[TASK INPUT — start]
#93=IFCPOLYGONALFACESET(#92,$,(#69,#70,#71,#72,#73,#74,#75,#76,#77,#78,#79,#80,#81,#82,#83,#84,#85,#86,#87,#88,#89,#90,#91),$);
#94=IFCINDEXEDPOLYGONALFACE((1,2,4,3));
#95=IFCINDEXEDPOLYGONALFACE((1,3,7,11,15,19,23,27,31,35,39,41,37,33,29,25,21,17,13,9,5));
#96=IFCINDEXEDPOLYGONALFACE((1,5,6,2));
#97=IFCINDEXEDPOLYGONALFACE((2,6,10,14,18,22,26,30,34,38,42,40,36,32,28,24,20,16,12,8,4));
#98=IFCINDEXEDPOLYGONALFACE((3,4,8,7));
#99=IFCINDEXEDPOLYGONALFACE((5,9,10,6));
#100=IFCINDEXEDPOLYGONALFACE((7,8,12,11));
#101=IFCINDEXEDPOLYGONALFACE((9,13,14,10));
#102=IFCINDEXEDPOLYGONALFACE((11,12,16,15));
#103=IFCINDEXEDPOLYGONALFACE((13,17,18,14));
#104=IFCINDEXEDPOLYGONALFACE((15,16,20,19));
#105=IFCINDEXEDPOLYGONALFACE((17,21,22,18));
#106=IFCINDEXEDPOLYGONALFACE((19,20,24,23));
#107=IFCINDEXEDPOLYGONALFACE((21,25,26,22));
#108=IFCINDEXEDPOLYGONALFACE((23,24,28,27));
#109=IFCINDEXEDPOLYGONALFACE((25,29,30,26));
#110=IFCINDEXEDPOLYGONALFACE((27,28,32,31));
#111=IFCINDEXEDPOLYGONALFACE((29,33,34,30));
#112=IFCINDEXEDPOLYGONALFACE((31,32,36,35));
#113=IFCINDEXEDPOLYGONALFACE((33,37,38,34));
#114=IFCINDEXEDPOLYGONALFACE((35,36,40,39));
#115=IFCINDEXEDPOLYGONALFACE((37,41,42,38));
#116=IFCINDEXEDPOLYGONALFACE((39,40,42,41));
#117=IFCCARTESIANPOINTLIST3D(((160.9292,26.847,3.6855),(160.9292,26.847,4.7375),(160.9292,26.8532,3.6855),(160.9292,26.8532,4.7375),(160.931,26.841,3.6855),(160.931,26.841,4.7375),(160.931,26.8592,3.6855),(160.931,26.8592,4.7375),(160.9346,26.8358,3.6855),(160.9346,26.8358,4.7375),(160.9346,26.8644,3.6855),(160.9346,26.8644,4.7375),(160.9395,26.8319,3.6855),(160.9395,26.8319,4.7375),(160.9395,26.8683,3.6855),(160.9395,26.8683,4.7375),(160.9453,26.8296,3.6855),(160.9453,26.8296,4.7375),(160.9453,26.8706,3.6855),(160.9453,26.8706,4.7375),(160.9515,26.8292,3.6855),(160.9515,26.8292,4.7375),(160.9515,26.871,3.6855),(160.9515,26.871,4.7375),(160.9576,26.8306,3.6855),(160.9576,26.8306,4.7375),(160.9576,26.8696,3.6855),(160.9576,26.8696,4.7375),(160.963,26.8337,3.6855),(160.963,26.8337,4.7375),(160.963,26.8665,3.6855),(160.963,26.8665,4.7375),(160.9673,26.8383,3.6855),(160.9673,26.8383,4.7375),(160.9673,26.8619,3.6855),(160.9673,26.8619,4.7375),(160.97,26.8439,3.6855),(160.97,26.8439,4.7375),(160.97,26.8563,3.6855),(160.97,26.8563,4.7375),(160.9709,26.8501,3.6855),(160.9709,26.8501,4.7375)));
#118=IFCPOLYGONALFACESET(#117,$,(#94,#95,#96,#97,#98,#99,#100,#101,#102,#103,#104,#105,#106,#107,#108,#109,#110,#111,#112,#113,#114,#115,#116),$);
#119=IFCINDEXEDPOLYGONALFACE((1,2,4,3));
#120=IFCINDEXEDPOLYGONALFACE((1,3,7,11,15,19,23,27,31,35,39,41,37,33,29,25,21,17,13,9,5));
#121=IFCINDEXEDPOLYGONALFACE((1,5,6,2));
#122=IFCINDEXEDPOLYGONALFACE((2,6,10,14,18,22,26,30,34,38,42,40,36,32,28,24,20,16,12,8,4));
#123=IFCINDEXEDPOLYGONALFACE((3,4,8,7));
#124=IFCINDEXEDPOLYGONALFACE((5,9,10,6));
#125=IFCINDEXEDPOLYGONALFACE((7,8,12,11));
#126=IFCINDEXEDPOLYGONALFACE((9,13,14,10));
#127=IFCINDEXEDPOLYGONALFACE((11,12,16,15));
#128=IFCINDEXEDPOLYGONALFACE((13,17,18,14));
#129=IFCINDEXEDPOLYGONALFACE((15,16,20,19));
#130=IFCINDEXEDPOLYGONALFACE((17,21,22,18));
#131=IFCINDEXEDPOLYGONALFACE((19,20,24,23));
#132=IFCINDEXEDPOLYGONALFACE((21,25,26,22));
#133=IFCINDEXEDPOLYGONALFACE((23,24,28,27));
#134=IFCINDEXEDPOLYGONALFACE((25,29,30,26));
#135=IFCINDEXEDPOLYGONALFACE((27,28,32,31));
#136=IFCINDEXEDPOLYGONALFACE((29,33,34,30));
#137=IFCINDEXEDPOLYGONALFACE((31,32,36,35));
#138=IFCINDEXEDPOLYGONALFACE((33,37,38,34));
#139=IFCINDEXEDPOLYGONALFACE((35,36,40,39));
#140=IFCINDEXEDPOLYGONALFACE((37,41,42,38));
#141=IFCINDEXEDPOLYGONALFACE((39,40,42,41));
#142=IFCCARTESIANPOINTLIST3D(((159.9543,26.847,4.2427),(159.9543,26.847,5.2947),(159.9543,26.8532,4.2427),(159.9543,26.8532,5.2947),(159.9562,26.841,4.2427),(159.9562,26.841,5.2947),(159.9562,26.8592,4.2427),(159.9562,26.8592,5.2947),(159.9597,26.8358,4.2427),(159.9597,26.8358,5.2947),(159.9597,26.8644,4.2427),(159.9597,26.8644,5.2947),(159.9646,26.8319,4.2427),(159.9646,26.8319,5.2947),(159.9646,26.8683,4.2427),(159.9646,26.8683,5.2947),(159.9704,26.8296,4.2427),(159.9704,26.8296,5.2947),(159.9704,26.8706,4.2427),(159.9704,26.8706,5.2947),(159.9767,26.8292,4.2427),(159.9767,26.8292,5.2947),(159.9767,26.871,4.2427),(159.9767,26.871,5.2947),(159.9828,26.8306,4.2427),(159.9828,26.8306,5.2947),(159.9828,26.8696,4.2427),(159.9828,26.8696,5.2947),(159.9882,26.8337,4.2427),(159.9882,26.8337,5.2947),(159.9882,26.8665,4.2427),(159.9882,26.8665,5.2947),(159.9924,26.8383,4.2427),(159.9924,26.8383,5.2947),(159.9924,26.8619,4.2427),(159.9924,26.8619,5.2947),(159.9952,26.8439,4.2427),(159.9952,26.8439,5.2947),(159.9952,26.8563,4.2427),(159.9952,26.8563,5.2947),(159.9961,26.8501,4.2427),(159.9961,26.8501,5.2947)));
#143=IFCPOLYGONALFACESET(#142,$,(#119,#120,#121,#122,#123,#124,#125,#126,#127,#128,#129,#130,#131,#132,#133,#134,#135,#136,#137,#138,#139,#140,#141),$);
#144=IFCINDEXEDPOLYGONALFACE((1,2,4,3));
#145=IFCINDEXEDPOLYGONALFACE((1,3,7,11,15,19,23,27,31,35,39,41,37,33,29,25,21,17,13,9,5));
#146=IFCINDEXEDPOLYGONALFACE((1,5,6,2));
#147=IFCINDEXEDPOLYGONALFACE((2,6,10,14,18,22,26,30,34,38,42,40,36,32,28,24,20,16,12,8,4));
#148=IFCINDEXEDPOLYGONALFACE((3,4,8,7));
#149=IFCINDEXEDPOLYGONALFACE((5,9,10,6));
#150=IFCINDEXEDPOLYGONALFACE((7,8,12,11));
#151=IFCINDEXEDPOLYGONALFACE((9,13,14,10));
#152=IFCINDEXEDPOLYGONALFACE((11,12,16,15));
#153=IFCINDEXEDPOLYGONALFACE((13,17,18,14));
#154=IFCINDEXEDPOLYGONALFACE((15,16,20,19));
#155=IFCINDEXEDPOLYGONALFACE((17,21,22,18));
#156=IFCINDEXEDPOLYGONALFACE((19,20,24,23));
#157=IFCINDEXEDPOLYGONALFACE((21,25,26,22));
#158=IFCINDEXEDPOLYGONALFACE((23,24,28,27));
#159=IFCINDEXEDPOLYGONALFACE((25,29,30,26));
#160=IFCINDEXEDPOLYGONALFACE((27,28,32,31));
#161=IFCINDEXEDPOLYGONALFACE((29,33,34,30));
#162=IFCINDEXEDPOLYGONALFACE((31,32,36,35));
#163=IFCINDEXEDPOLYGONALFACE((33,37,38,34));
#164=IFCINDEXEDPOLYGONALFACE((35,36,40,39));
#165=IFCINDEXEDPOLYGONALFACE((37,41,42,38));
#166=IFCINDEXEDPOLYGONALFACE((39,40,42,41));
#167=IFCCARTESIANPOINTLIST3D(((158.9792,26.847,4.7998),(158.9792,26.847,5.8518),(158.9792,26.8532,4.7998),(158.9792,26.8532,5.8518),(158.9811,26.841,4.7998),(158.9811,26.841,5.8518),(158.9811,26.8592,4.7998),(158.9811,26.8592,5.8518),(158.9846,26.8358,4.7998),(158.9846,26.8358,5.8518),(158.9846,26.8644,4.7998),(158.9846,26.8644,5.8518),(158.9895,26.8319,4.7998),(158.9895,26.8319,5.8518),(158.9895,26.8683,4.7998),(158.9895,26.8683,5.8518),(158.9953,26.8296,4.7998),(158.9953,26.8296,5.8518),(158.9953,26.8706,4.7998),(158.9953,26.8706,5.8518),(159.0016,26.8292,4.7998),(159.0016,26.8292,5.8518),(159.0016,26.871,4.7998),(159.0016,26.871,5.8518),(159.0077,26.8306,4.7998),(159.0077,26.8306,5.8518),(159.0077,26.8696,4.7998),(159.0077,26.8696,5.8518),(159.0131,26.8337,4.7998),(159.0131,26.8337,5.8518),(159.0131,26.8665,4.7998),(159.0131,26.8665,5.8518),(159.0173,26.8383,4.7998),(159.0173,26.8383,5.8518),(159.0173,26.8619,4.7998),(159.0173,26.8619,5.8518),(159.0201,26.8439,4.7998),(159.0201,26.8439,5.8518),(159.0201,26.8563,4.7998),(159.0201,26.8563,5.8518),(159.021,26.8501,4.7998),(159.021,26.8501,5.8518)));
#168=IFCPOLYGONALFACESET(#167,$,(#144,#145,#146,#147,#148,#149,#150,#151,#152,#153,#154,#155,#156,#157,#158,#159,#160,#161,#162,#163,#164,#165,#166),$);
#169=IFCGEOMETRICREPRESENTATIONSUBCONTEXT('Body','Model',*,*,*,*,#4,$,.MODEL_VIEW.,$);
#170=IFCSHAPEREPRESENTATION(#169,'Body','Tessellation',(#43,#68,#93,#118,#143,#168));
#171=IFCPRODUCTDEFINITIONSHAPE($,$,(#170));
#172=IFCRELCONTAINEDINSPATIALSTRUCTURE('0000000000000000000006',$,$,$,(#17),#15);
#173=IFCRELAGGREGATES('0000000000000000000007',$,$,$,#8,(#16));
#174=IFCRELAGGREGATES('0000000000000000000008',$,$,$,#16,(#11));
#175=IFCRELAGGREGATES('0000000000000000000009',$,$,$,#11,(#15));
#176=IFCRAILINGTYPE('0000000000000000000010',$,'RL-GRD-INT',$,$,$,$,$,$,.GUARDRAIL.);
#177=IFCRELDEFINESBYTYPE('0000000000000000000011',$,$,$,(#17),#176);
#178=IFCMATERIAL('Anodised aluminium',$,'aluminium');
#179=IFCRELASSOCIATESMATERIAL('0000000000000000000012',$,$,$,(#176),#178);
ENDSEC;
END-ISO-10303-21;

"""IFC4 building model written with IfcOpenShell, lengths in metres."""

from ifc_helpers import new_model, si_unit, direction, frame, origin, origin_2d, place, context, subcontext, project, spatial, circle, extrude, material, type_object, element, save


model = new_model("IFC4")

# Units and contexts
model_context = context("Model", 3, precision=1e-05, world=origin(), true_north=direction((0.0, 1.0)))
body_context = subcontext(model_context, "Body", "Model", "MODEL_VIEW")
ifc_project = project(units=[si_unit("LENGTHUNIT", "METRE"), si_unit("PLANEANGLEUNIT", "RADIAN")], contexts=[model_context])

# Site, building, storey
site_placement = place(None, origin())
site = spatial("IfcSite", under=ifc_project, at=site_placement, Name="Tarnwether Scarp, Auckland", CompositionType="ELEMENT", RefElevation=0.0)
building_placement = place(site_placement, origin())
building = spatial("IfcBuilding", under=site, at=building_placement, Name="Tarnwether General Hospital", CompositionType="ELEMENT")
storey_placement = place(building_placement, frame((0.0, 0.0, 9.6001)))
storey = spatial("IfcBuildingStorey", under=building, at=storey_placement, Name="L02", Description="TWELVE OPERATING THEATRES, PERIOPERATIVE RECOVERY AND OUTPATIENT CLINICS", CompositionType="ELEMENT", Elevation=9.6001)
[TASK INPUT — finish]
[TASK INPUT — start]
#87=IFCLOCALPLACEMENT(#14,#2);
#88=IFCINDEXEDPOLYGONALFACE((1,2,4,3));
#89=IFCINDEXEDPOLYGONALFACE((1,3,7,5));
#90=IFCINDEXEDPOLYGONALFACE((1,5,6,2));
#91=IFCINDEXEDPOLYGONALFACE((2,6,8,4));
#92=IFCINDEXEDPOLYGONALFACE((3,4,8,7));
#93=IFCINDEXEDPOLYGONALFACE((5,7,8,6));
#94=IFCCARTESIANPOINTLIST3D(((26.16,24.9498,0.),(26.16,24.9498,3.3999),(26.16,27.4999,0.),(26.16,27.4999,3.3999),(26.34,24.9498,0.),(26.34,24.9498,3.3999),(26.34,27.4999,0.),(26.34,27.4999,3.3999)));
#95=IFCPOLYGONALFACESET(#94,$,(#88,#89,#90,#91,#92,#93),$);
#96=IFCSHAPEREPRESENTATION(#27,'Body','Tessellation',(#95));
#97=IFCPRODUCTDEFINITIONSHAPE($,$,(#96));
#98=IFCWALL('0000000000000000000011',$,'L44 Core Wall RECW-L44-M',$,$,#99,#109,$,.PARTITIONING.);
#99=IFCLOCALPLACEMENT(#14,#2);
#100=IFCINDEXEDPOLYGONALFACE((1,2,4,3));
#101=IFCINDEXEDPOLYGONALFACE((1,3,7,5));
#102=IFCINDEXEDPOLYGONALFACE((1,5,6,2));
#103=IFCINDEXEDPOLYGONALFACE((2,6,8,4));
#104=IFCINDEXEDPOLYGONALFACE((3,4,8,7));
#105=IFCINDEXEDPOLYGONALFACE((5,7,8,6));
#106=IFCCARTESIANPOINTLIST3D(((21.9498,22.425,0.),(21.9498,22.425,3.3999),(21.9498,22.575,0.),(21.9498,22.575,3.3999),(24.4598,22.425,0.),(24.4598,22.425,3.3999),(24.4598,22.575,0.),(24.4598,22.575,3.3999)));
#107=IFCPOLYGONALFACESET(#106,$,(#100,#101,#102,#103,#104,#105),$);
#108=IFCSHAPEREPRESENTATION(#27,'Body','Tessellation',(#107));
[TASK INPUT — finish]
[TASK INPUT — start]
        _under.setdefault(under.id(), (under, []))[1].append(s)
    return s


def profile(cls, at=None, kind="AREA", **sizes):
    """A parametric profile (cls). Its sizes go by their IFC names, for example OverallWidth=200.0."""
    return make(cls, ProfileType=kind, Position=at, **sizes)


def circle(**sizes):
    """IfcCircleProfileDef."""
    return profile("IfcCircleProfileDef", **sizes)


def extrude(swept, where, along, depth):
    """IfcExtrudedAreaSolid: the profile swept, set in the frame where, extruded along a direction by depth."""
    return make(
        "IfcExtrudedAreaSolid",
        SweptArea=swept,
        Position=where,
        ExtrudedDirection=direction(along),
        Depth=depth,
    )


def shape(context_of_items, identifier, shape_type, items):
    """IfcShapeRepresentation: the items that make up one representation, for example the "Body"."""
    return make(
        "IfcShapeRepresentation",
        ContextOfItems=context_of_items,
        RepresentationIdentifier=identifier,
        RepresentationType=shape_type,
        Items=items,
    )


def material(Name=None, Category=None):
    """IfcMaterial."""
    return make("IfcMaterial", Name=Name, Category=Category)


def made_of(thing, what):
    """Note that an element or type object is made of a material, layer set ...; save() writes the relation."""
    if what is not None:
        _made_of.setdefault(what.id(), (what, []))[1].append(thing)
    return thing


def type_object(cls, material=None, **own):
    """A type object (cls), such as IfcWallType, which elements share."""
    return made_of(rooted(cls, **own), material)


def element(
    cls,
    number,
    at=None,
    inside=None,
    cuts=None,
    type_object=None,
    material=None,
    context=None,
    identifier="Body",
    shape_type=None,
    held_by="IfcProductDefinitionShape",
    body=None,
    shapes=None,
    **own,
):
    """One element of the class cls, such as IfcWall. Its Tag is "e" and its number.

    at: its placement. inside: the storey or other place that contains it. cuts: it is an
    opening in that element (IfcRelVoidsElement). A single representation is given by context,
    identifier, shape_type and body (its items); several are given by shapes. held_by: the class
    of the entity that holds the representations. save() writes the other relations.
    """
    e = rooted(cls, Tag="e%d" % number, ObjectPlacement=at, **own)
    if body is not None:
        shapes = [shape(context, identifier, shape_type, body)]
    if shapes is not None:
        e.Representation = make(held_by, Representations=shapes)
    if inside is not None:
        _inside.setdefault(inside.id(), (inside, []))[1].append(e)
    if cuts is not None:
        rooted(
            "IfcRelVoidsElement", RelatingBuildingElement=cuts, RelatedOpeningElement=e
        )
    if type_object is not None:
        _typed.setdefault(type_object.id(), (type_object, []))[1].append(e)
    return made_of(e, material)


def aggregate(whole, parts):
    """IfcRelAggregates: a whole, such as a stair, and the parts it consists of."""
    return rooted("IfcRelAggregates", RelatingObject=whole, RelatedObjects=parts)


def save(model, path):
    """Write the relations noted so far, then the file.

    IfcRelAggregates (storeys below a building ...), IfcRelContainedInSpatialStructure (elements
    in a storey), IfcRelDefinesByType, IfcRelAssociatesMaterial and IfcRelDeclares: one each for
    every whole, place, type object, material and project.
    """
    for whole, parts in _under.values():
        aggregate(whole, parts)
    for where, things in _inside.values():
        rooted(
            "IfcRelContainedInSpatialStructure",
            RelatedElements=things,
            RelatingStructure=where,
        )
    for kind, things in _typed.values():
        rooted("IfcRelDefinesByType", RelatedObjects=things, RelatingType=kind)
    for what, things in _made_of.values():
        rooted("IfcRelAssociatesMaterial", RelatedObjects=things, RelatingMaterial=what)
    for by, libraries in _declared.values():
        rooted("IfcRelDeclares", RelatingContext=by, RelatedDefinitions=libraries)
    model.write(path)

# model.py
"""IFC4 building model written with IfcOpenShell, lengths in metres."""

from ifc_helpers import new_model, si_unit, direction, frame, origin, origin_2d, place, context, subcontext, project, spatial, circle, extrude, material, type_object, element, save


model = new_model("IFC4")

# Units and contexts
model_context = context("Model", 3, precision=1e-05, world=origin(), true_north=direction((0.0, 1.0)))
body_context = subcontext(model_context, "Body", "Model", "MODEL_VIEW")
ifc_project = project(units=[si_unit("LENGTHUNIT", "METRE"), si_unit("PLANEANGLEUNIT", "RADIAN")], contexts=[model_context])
[TASK INPUT — finish]
### TASK PROMPT
Search the listing for the word "what". Copy every line in which it occurs.

### ANSWER FOR THIS EXERCISE
def made_of(thing, what):
    if what is not None:
        _made_of.setdefault(what.id(), (what, []))[1].append(thing)
    for what, things in _made_of.values():
        rooted("IfcRelAssociatesMaterial", RelatedObjects=things, RelatingMaterial=what)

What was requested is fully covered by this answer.